» Task details
For the data below, restate word for word only the lines from the line containing "#159=IFCLOCALPLACEMENT(#14,#2);" through the line containing "#172=IFCRELAGGREGATES('0000000000000000000017',$,$,$,#16,(#11));", both ends included.

» Material for the task
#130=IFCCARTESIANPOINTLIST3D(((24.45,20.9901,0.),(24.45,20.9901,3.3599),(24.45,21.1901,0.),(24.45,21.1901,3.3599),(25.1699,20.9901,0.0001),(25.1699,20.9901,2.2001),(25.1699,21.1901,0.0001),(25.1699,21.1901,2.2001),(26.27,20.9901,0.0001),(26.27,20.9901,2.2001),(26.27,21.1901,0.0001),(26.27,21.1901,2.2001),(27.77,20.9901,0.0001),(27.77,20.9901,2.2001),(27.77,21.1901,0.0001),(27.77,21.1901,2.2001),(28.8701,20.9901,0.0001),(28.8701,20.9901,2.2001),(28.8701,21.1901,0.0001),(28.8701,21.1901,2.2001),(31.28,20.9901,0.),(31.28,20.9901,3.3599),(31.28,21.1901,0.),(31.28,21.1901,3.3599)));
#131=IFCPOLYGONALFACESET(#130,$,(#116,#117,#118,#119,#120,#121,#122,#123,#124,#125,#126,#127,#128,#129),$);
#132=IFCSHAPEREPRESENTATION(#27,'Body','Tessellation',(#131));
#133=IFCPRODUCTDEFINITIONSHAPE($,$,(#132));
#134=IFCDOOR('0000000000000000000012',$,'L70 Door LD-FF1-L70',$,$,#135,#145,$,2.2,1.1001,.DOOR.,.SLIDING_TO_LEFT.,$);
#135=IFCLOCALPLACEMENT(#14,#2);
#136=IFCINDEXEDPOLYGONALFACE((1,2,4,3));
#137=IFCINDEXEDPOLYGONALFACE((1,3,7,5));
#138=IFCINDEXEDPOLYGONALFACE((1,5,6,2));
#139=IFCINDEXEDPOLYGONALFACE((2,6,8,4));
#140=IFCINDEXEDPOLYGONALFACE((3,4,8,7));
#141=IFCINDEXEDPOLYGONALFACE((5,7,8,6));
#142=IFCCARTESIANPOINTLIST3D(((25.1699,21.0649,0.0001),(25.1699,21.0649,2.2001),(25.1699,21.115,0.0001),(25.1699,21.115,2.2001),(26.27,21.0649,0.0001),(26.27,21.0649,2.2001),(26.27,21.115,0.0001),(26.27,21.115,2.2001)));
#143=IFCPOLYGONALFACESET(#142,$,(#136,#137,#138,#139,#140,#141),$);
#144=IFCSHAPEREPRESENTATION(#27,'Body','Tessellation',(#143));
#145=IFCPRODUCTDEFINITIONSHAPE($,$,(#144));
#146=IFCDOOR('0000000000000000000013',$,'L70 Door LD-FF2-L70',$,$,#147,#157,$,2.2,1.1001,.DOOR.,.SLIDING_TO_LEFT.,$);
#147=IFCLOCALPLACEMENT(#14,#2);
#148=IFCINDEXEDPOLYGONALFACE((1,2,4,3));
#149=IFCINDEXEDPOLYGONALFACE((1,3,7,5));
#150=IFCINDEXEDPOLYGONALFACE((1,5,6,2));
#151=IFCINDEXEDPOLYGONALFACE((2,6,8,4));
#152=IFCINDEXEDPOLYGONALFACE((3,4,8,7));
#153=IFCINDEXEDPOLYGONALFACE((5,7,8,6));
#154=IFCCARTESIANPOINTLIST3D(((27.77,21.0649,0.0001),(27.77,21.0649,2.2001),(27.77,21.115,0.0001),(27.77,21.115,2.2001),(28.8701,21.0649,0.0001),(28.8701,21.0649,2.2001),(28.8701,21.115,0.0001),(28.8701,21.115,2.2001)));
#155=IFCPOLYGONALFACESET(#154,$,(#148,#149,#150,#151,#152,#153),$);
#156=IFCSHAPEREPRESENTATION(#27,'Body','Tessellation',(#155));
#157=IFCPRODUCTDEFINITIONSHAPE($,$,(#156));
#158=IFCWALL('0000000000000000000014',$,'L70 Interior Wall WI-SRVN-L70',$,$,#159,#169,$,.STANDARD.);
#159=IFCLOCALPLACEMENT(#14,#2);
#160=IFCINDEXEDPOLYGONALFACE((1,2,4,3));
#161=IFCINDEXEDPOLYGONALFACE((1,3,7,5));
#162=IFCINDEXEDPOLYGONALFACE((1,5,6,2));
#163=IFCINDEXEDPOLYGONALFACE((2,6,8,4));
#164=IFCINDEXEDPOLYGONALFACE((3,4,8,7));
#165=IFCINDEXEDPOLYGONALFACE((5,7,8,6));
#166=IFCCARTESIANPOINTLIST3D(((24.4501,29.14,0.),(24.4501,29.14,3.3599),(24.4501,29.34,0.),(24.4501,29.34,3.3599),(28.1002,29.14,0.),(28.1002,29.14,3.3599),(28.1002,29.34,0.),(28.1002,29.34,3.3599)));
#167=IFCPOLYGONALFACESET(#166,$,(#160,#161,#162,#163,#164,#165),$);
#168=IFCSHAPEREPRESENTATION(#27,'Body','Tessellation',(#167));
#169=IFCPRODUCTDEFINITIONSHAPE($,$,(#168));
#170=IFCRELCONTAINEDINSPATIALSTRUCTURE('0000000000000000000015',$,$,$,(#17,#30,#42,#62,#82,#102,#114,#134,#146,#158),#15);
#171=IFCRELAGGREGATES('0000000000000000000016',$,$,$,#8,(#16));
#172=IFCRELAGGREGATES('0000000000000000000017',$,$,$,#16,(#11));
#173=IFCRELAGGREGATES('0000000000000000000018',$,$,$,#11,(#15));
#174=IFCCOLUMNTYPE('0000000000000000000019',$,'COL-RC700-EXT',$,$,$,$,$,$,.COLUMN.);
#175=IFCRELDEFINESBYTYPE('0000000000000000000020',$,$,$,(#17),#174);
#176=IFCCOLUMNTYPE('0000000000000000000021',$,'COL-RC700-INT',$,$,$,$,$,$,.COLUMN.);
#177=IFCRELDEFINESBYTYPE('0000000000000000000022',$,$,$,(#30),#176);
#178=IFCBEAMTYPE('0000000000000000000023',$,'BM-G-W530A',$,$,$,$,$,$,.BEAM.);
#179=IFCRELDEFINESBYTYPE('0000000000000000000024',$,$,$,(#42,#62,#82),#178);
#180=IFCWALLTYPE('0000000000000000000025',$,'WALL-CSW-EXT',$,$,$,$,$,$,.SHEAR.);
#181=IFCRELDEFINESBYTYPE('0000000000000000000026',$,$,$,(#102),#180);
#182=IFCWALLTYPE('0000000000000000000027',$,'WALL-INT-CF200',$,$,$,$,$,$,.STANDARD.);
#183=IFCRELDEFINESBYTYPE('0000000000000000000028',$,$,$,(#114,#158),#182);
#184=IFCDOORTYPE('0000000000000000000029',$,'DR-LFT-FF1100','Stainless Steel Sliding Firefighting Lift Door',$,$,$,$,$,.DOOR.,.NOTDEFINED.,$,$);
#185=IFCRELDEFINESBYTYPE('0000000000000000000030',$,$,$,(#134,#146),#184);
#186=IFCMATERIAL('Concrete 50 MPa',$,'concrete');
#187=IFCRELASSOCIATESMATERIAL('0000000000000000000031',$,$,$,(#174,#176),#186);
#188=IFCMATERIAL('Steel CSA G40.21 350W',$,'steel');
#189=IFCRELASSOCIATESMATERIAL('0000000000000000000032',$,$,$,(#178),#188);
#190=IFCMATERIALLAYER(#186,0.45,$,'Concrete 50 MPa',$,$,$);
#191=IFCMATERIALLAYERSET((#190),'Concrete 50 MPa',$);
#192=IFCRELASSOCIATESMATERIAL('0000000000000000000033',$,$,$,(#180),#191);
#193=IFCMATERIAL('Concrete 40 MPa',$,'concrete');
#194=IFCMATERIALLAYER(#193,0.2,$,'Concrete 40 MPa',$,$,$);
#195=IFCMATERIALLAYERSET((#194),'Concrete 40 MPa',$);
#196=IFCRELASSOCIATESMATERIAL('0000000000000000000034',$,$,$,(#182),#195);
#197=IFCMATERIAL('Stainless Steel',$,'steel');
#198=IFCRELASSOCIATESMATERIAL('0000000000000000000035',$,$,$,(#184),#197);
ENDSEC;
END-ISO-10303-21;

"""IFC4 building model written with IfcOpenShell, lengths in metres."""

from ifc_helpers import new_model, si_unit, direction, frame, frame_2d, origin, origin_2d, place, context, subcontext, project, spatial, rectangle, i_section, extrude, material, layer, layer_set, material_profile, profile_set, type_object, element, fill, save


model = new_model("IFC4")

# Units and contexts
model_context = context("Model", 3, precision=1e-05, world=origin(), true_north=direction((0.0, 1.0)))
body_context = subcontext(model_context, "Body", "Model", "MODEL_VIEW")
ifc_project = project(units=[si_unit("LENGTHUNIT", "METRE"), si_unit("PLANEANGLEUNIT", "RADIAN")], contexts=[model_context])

» Exercise result
#159=IFCLOCALPLACEMENT(#14,#2);
#160=IFCINDEXEDPOLYGONALFACE((1,2,4,3));
#161=IFCINDEXEDPOLYGONALFACE((1,3,7,5));
#162=IFCINDEXEDPOLYGONALFACE((1,5,6,2));
#163=IFCINDEXEDPOLYGONALFACE((2,6,8,4));
#164=IFCINDEXEDPOLYGONALFACE((3,4,8,7));
#165=IFCINDEXEDPOLYGONALFACE((5,7,8,6));
#166=IFCCARTESIANPOINTLIST3D(((24.4501,29.14,0.),(24.4501,29.14,3.3599),(24.4501,29.34,0.),(24.4501,29.34,3.3599),(28.1002,29.14,0.),(28.1002,29.14,3.3599),(28.1002,29.34,0.),(28.1002,29.34,3.3599)));
#167=IFCPOLYGONALFACESET(#166,$,(#160,#161,#162,#163,#164,#165),$);
#168=IFCSHAPEREPRESENTATION(#27,'Body','Tessellation',(#167));
#169=IFCPRODUCTDEFINITIONSHAPE($,$,(#168));
#170=IFCRELCONTAINEDINSPATIALSTRUCTURE('0000000000000000000015',$,$,$,(#17,#30,#42,#62,#82,#102,#114,#134,#146,#158),#15);
#171=IFCRELAGGREGATES('0000000000000000000016',$,$,$,#8,(#16));
#172=IFCRELAGGREGATES('0000000000000000000017',$,$,$,#16,(#11));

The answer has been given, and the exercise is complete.